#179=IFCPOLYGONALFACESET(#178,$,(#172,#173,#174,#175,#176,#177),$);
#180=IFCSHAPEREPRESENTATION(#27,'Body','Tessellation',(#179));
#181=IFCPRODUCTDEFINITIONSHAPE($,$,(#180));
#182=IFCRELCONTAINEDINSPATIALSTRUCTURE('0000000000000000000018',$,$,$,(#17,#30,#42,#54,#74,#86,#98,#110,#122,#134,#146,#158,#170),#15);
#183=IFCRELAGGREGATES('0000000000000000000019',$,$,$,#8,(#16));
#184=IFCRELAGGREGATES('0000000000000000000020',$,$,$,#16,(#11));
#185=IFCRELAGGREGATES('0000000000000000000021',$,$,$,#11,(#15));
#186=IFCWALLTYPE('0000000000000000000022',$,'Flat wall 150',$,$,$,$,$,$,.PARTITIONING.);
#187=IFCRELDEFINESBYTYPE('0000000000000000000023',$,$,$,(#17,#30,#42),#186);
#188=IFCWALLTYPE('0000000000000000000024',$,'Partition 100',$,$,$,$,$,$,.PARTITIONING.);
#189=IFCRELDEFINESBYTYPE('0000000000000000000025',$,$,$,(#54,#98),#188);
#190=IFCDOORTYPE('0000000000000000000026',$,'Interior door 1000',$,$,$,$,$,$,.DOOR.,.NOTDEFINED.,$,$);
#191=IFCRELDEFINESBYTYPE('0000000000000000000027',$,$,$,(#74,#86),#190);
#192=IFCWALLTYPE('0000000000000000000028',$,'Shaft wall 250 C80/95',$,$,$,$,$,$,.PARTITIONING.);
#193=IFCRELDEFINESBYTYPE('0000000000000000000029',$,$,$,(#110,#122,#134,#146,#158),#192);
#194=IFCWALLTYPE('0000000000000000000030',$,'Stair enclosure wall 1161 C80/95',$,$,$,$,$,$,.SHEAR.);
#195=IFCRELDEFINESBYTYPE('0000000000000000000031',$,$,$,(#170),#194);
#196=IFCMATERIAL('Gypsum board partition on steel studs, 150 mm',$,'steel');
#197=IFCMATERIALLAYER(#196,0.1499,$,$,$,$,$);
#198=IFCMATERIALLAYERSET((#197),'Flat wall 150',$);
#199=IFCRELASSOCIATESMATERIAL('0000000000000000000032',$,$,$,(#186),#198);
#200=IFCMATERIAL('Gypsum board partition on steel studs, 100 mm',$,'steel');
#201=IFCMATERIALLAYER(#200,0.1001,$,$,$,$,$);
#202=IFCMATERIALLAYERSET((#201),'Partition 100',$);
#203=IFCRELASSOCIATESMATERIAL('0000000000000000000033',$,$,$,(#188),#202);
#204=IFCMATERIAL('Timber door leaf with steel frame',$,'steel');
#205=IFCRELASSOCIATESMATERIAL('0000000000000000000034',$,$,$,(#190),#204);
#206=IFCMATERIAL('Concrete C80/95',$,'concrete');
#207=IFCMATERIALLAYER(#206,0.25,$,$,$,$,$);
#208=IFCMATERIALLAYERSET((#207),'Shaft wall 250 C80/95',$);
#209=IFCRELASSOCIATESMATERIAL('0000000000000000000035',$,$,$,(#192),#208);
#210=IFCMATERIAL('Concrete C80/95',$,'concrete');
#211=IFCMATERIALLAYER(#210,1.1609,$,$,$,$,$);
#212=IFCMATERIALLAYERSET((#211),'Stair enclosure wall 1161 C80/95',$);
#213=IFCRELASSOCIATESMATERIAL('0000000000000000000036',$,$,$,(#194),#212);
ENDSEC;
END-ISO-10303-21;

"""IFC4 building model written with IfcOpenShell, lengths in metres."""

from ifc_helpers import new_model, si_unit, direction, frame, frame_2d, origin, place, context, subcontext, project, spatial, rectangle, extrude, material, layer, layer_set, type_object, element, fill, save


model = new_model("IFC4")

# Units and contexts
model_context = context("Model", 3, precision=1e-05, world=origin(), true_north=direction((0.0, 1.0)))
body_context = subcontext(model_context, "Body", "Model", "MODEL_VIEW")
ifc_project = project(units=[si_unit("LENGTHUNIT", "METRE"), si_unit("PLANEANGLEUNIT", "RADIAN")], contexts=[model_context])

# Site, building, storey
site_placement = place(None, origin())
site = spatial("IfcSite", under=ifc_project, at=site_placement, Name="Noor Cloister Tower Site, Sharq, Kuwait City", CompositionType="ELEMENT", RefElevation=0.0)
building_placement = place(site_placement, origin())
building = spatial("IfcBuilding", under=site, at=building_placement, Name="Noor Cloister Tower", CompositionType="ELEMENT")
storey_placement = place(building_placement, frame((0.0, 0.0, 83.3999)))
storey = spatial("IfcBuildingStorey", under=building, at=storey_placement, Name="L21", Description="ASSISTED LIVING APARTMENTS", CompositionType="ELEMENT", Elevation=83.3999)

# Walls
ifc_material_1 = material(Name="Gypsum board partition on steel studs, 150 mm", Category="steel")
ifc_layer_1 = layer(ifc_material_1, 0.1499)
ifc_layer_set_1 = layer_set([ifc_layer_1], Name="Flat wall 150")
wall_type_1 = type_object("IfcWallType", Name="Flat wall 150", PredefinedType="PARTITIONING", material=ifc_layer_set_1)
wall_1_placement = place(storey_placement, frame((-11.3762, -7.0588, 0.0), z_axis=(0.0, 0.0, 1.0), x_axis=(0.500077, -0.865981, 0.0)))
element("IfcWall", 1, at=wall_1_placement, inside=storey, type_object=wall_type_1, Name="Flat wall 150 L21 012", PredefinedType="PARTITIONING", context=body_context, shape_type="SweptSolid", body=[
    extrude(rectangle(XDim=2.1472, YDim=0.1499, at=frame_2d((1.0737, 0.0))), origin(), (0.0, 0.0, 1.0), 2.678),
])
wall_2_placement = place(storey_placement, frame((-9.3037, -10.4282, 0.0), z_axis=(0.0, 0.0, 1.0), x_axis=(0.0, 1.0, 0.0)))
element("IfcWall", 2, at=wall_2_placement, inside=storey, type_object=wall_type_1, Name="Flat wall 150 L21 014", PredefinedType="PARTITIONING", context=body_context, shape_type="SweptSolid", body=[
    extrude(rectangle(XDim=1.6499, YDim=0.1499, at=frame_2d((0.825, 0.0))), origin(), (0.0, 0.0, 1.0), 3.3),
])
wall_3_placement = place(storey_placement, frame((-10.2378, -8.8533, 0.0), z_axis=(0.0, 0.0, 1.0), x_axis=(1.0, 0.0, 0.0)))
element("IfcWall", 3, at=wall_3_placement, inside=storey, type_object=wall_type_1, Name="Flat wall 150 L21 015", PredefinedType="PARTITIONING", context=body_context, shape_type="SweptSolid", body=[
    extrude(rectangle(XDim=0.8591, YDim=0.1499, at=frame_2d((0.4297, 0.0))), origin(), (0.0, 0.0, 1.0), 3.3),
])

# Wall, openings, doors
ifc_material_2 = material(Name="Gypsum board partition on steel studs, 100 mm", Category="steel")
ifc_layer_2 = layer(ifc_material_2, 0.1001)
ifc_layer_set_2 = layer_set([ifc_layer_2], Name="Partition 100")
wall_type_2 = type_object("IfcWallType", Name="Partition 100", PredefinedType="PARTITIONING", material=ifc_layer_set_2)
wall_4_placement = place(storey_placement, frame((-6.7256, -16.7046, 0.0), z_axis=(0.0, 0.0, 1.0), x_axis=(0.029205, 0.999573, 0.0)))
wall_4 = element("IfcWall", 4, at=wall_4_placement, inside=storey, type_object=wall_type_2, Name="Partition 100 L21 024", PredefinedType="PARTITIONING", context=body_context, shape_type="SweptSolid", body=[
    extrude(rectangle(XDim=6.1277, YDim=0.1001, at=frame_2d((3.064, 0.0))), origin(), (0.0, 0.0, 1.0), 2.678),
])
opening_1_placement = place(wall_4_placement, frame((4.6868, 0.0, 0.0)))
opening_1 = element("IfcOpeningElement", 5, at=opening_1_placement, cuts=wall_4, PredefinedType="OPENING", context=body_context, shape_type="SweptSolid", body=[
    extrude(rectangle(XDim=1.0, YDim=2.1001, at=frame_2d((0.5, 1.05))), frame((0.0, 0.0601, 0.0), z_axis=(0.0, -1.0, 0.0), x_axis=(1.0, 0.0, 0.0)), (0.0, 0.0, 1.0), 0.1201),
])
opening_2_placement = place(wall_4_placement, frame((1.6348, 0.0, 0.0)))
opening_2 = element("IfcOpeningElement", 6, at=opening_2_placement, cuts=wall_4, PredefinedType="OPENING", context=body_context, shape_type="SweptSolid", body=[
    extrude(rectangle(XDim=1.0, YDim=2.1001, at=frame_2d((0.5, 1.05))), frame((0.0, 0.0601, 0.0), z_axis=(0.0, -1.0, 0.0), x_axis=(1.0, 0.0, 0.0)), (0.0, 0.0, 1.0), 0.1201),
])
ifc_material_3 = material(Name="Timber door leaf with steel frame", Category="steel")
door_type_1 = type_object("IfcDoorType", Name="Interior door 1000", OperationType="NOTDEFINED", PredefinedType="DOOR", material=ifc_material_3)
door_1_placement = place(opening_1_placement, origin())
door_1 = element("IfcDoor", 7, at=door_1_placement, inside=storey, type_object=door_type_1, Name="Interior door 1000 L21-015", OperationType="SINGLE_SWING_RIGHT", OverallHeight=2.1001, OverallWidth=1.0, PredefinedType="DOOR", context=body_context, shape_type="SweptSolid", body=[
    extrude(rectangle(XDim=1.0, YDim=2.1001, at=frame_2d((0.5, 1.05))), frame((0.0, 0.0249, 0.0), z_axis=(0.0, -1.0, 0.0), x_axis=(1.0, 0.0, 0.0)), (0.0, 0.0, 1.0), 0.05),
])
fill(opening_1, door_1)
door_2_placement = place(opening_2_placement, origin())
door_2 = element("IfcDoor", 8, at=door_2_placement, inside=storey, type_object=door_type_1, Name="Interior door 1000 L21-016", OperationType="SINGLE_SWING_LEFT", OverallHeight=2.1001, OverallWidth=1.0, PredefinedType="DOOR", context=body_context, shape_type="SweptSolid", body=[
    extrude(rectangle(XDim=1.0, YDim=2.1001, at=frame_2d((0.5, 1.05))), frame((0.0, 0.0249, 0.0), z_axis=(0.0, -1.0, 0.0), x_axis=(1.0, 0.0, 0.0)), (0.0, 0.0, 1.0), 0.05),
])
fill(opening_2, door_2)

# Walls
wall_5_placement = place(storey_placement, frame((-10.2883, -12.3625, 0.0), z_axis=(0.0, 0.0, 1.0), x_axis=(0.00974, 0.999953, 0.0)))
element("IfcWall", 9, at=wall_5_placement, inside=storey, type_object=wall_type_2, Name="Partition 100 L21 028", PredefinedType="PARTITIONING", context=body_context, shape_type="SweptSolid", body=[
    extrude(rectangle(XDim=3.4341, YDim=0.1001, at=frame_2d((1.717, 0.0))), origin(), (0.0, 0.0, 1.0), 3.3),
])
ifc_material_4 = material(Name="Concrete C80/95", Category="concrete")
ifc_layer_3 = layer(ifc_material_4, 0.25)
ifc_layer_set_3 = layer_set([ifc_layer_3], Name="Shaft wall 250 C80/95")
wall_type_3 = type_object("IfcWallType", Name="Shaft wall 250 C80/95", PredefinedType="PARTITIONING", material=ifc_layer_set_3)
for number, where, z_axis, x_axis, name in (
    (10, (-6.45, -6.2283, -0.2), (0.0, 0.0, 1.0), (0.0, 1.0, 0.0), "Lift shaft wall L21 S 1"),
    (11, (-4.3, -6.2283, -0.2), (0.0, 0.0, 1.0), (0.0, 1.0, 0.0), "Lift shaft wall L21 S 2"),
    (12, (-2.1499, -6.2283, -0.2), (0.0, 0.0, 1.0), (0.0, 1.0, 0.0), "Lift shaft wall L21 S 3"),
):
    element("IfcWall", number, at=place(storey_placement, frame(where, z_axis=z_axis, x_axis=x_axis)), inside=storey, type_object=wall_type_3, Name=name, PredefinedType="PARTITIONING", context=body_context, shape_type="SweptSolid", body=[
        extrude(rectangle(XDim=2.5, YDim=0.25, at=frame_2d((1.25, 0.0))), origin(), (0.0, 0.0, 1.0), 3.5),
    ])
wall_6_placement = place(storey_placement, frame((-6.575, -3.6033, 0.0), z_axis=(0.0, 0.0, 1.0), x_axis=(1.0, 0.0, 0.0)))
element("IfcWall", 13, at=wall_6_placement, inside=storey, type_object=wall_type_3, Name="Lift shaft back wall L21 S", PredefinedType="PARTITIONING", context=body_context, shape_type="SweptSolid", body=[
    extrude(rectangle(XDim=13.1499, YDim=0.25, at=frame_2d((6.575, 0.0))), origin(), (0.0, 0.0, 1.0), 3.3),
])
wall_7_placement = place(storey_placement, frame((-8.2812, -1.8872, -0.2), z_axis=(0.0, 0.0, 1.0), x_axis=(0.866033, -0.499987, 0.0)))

☆ ☆ ☆ ☆

*Your assignment*
Within the entries, find all lines that contain "direction" and copy each one.

*Answer box*
from ifc_helpers import new_model, si_unit, direction, frame, frame_2d, origin, place, context, subcontext, project, spatial, rectangle, extrude, material, layer, layer_set, type_object, element, fill, save
model_context = context("Model", 3, precision=1e-05, world=origin(), true_north=direction((0.0, 1.0)))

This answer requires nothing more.